Search the listing for the word "IFCPRODUCTDEFINITIONSHAPE" and return each line that contains it.

++++ SUPPLIED DATA ++++

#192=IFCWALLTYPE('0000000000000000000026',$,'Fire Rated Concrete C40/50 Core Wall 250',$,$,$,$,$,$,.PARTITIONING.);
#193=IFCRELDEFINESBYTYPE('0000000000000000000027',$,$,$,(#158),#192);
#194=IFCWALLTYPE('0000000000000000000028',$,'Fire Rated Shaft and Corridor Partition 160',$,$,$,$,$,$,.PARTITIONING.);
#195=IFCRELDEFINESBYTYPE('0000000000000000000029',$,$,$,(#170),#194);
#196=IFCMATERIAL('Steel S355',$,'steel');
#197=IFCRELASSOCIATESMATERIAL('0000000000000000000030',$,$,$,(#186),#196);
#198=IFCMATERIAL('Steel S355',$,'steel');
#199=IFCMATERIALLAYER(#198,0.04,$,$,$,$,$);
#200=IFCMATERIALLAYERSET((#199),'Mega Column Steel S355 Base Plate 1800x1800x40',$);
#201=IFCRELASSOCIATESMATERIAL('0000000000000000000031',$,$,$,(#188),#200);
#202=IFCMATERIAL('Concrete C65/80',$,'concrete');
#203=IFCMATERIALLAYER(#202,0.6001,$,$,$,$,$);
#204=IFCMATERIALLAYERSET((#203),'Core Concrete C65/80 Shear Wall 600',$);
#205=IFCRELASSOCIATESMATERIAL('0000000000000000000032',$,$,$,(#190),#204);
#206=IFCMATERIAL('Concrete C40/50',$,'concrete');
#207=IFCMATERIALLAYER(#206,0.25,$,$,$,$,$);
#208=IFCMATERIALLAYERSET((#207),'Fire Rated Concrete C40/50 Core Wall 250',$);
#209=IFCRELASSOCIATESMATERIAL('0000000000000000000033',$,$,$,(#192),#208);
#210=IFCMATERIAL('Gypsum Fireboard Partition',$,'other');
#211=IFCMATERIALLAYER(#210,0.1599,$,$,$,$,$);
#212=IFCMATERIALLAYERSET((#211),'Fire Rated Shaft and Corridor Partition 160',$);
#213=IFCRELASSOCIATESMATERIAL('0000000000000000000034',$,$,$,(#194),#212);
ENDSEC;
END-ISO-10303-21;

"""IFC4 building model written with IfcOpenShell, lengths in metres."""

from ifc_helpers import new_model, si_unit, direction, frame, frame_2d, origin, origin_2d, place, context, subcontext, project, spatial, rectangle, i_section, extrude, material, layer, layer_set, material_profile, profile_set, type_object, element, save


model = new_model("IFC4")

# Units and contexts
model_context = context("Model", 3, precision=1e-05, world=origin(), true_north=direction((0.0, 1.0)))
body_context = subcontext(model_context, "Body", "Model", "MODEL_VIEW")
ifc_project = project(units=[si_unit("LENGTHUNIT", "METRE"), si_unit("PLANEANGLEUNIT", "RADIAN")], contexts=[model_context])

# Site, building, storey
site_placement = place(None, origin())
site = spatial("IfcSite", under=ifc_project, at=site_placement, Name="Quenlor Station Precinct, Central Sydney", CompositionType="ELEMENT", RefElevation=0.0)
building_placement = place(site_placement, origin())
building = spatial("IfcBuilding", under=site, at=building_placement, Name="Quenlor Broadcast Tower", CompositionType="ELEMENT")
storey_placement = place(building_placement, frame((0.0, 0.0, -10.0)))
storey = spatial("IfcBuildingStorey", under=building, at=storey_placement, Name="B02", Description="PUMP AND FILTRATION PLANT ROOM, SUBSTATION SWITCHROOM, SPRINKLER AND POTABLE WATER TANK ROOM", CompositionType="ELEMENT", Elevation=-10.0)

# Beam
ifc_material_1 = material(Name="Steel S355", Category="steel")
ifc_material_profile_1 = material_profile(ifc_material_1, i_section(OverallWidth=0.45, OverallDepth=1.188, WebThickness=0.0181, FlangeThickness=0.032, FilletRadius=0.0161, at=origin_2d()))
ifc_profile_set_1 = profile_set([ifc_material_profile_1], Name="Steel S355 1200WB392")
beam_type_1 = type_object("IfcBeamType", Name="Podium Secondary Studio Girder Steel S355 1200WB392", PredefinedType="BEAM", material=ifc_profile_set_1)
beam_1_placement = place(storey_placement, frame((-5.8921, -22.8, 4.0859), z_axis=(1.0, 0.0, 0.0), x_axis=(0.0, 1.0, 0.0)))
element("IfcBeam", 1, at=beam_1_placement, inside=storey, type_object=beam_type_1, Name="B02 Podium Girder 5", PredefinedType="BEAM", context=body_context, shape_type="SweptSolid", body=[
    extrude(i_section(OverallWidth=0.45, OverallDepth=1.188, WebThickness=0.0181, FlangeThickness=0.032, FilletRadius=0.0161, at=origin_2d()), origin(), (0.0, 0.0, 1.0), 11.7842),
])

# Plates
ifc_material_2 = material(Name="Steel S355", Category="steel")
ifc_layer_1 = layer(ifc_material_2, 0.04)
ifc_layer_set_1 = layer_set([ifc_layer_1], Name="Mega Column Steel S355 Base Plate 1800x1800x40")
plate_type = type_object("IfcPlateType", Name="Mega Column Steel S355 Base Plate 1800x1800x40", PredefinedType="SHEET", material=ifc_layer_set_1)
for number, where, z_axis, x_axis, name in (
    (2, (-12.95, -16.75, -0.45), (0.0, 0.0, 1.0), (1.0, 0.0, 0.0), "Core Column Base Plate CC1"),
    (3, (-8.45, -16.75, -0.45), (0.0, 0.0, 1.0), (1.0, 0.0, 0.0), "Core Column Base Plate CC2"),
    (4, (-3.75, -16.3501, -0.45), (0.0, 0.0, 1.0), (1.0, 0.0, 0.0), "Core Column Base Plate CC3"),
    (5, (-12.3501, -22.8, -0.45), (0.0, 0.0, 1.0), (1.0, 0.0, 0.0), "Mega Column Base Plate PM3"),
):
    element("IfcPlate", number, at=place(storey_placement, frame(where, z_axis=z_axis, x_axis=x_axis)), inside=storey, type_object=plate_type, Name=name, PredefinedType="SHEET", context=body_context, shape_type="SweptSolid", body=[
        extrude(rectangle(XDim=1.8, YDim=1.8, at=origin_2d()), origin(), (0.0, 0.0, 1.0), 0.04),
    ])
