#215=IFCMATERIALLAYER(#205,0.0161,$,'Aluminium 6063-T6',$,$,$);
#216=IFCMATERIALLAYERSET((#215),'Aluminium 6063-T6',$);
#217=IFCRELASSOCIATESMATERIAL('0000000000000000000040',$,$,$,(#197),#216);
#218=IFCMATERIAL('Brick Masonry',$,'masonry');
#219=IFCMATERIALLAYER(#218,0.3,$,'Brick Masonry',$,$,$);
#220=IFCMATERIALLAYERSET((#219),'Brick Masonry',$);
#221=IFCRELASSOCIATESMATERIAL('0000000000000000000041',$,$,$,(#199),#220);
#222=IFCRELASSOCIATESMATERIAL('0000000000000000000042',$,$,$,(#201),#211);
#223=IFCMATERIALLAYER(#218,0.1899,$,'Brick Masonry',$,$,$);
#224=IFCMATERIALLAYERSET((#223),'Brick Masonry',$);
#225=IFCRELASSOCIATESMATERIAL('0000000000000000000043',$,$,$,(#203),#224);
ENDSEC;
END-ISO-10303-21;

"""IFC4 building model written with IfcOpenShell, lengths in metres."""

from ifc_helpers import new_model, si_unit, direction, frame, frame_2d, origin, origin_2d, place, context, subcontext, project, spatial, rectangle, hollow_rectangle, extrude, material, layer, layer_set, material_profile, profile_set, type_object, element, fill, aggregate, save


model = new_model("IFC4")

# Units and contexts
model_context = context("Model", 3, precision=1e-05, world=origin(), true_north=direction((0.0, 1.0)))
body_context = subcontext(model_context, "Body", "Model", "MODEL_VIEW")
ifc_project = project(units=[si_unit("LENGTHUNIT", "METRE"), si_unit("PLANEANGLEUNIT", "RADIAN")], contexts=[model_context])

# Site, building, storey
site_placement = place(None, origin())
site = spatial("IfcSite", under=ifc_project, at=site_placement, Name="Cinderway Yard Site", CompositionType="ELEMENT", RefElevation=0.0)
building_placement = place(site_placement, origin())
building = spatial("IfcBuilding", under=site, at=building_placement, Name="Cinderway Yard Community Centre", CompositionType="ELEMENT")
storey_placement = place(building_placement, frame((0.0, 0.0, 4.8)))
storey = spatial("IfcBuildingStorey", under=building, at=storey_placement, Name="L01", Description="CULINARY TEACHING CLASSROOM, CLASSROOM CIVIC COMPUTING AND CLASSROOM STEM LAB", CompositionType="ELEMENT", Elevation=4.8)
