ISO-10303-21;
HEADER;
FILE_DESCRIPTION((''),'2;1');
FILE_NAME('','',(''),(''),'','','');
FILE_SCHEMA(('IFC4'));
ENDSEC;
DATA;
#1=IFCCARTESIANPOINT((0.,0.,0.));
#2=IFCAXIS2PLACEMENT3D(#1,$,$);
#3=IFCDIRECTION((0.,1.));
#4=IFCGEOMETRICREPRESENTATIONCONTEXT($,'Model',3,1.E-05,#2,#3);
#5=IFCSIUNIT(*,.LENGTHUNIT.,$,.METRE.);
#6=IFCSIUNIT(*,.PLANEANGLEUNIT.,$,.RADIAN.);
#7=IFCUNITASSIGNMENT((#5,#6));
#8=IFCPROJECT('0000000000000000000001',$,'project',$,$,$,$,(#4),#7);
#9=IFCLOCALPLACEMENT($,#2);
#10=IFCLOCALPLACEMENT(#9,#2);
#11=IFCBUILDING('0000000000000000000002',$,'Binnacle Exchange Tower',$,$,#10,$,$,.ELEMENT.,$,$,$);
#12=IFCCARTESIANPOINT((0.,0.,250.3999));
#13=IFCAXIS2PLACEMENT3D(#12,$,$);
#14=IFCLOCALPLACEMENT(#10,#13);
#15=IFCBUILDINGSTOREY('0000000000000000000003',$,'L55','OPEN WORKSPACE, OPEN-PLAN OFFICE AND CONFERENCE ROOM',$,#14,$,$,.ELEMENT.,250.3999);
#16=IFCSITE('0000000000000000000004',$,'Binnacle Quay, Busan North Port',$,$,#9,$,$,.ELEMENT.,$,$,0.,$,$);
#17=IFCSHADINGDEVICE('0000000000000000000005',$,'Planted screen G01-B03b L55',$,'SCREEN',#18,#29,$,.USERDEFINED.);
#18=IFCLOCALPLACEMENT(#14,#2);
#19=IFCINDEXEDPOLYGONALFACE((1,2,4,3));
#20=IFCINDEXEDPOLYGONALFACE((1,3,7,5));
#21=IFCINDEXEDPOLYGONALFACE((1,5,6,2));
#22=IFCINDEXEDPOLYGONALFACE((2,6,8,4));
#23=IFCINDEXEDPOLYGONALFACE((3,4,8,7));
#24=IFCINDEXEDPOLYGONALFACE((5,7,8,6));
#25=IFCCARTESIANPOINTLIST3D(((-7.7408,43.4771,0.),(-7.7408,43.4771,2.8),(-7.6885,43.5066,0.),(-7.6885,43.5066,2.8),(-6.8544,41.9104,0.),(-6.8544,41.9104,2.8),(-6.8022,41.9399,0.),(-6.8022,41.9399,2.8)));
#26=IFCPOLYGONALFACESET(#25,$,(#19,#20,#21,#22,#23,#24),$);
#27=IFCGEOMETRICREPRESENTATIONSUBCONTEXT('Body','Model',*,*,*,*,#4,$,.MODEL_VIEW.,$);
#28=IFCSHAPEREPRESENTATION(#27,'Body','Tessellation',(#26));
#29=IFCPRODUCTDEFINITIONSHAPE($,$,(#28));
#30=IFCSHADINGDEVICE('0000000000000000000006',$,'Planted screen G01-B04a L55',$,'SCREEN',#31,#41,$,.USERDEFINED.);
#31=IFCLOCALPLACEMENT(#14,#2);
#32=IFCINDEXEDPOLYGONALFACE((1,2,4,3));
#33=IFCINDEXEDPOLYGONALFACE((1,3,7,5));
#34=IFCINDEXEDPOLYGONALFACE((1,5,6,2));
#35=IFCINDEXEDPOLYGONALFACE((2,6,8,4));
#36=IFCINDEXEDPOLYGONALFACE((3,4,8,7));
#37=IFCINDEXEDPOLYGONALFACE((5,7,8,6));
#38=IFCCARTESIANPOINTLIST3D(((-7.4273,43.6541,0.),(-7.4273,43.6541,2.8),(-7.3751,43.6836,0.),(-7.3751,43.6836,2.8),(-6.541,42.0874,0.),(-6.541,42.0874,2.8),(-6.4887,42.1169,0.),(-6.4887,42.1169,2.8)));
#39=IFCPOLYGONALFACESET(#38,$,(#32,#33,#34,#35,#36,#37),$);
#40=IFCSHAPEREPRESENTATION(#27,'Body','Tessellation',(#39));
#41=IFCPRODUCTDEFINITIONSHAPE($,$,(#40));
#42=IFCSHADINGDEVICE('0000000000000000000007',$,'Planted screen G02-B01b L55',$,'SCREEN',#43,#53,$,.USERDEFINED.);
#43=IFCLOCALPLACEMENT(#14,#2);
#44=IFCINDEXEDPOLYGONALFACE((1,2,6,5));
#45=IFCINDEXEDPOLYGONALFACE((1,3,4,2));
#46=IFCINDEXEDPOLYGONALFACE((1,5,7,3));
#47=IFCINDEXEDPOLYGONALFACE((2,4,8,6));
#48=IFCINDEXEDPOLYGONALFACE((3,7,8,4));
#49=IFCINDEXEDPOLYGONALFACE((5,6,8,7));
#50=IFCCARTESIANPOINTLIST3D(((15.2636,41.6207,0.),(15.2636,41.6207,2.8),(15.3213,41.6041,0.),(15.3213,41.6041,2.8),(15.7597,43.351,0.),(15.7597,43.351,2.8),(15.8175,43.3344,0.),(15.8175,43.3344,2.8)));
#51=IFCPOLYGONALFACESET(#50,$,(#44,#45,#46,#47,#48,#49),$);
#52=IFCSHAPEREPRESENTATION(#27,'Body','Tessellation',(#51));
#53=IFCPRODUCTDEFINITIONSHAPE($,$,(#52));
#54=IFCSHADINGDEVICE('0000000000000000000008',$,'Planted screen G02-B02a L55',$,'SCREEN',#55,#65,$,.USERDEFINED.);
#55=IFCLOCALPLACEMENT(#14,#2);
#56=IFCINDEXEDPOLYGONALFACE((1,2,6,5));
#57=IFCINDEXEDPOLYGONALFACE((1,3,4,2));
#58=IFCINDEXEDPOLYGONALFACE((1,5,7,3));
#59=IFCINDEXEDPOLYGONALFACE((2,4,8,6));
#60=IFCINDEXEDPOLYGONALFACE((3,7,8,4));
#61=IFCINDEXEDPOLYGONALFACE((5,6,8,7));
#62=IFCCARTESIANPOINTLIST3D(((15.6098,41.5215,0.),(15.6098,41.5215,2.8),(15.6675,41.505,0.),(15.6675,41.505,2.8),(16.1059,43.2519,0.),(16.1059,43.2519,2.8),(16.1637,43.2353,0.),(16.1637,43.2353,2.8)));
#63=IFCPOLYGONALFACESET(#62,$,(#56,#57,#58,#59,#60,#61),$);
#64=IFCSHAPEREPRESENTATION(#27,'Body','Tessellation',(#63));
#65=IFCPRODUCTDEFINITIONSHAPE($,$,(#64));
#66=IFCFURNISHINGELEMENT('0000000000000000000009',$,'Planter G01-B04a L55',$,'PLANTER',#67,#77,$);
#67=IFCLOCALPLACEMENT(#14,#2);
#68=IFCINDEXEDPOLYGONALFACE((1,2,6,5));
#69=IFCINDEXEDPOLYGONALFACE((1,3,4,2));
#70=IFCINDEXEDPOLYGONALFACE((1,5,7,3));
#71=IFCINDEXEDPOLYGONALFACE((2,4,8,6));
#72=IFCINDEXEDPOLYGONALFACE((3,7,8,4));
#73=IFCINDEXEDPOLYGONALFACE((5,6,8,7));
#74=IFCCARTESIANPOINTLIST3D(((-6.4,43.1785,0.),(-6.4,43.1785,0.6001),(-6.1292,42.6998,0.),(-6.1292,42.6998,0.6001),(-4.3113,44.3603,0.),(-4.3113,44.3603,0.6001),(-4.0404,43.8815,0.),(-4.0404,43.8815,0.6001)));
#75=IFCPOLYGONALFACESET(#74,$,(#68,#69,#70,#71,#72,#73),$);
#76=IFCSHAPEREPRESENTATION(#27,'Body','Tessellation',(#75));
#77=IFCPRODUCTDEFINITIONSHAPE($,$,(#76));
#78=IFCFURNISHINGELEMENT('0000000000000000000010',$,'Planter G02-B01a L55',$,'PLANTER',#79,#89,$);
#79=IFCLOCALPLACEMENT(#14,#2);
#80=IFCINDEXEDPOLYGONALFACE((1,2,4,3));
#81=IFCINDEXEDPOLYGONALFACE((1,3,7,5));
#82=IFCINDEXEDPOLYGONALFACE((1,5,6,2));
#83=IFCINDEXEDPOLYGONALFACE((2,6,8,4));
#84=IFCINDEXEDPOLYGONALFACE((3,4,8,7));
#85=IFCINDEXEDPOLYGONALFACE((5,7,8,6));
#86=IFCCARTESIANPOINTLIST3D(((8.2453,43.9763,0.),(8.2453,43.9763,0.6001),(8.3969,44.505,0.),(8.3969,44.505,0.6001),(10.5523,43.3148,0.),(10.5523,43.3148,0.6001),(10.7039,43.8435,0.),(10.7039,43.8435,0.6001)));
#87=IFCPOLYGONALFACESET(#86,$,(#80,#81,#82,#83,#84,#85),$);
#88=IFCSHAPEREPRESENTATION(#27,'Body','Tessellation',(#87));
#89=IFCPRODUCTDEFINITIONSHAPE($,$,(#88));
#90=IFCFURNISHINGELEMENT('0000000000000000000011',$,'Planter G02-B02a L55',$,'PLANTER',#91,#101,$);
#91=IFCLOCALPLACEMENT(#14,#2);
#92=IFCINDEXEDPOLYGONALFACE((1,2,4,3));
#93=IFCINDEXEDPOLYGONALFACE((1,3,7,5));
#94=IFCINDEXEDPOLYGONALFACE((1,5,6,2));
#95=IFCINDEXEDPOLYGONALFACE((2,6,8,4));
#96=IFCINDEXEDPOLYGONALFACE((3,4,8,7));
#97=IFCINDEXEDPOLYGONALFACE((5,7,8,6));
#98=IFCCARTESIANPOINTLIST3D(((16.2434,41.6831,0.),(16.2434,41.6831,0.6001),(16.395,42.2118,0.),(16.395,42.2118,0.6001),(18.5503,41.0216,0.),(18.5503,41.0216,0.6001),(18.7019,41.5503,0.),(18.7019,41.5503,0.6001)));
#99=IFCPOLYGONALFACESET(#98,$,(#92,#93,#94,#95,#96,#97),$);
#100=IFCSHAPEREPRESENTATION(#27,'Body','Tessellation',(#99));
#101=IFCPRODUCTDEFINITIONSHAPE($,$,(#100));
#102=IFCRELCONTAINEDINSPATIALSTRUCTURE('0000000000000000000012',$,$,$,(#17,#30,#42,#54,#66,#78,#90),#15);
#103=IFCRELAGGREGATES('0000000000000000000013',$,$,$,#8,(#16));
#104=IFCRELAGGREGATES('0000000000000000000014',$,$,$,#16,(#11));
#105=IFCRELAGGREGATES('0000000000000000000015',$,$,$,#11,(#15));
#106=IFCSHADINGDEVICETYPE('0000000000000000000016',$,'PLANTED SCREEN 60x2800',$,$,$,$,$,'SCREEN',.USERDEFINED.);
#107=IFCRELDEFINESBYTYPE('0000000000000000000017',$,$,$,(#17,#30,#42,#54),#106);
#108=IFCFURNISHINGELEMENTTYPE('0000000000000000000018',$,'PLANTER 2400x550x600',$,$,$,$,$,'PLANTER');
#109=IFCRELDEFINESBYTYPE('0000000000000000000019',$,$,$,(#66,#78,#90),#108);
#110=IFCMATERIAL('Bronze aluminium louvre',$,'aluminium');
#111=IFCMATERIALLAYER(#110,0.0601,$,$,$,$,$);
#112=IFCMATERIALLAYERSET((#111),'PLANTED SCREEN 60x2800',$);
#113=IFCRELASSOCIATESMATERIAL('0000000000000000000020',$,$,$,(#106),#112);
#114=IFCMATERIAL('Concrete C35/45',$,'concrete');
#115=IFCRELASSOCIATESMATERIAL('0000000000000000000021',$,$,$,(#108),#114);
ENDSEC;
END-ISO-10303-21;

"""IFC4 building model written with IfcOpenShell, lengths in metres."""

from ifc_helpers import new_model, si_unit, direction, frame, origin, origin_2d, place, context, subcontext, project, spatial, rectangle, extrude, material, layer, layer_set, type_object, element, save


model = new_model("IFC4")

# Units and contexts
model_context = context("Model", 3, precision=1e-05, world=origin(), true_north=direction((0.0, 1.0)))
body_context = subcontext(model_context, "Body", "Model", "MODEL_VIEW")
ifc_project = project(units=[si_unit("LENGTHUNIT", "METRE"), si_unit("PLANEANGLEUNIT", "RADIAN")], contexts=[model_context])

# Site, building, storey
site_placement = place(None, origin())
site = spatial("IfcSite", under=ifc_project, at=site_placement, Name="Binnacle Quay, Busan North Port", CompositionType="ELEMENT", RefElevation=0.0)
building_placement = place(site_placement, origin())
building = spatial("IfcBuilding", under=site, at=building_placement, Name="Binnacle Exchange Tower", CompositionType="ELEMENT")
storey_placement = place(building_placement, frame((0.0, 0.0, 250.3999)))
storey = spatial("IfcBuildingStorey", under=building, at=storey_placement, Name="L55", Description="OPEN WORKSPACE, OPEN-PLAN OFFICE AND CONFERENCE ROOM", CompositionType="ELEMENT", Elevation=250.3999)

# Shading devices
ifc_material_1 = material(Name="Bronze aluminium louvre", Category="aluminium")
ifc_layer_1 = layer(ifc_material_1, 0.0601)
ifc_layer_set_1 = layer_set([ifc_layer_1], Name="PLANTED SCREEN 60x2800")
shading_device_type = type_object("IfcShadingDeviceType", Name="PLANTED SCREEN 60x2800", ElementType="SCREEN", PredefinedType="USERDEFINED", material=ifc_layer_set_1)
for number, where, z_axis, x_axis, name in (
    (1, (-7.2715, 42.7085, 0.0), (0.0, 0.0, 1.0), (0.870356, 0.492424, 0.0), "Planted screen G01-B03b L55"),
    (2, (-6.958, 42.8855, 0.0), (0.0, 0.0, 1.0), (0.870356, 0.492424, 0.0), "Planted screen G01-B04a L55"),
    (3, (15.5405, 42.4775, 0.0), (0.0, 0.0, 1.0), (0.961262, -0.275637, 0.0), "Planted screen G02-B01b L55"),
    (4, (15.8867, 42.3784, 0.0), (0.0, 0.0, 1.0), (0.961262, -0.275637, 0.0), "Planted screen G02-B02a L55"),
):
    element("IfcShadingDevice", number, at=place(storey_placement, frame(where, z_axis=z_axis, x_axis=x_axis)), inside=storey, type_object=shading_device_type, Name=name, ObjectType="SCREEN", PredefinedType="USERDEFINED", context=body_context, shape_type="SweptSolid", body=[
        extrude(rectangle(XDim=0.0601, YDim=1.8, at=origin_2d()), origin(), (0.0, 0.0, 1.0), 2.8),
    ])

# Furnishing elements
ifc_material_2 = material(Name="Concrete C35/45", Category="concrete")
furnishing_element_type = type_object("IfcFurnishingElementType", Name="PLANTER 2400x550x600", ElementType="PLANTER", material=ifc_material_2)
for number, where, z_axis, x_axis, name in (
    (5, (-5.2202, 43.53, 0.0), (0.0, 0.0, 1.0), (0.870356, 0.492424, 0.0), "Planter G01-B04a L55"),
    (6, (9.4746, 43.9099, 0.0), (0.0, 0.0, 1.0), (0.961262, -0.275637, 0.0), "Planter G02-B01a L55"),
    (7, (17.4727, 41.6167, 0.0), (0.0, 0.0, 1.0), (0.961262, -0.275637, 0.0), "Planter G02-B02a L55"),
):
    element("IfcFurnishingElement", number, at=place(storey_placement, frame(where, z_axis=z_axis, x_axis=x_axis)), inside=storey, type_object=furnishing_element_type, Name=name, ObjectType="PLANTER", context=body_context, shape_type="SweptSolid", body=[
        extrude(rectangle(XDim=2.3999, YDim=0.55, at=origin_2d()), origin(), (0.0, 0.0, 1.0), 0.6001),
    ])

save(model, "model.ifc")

++++

## OUTPUT BELOW
#29=IFCPRODUCTDEFINITIONSHAPE($,$,(#28));
#41=IFCPRODUCTDEFINITIONSHAPE($,$,(#40));
#53=IFCPRODUCTDEFINITIONSHAPE($,$,(#52));
#65=IFCPRODUCTDEFINITIONSHAPE($,$,(#64));
#77=IFCPRODUCTDEFINITIONSHAPE($,$,(#76));
#89=IFCPRODUCTDEFINITIONSHAPE($,$,(#88));
#101=IFCPRODUCTDEFINITIONSHAPE($,$,(#100));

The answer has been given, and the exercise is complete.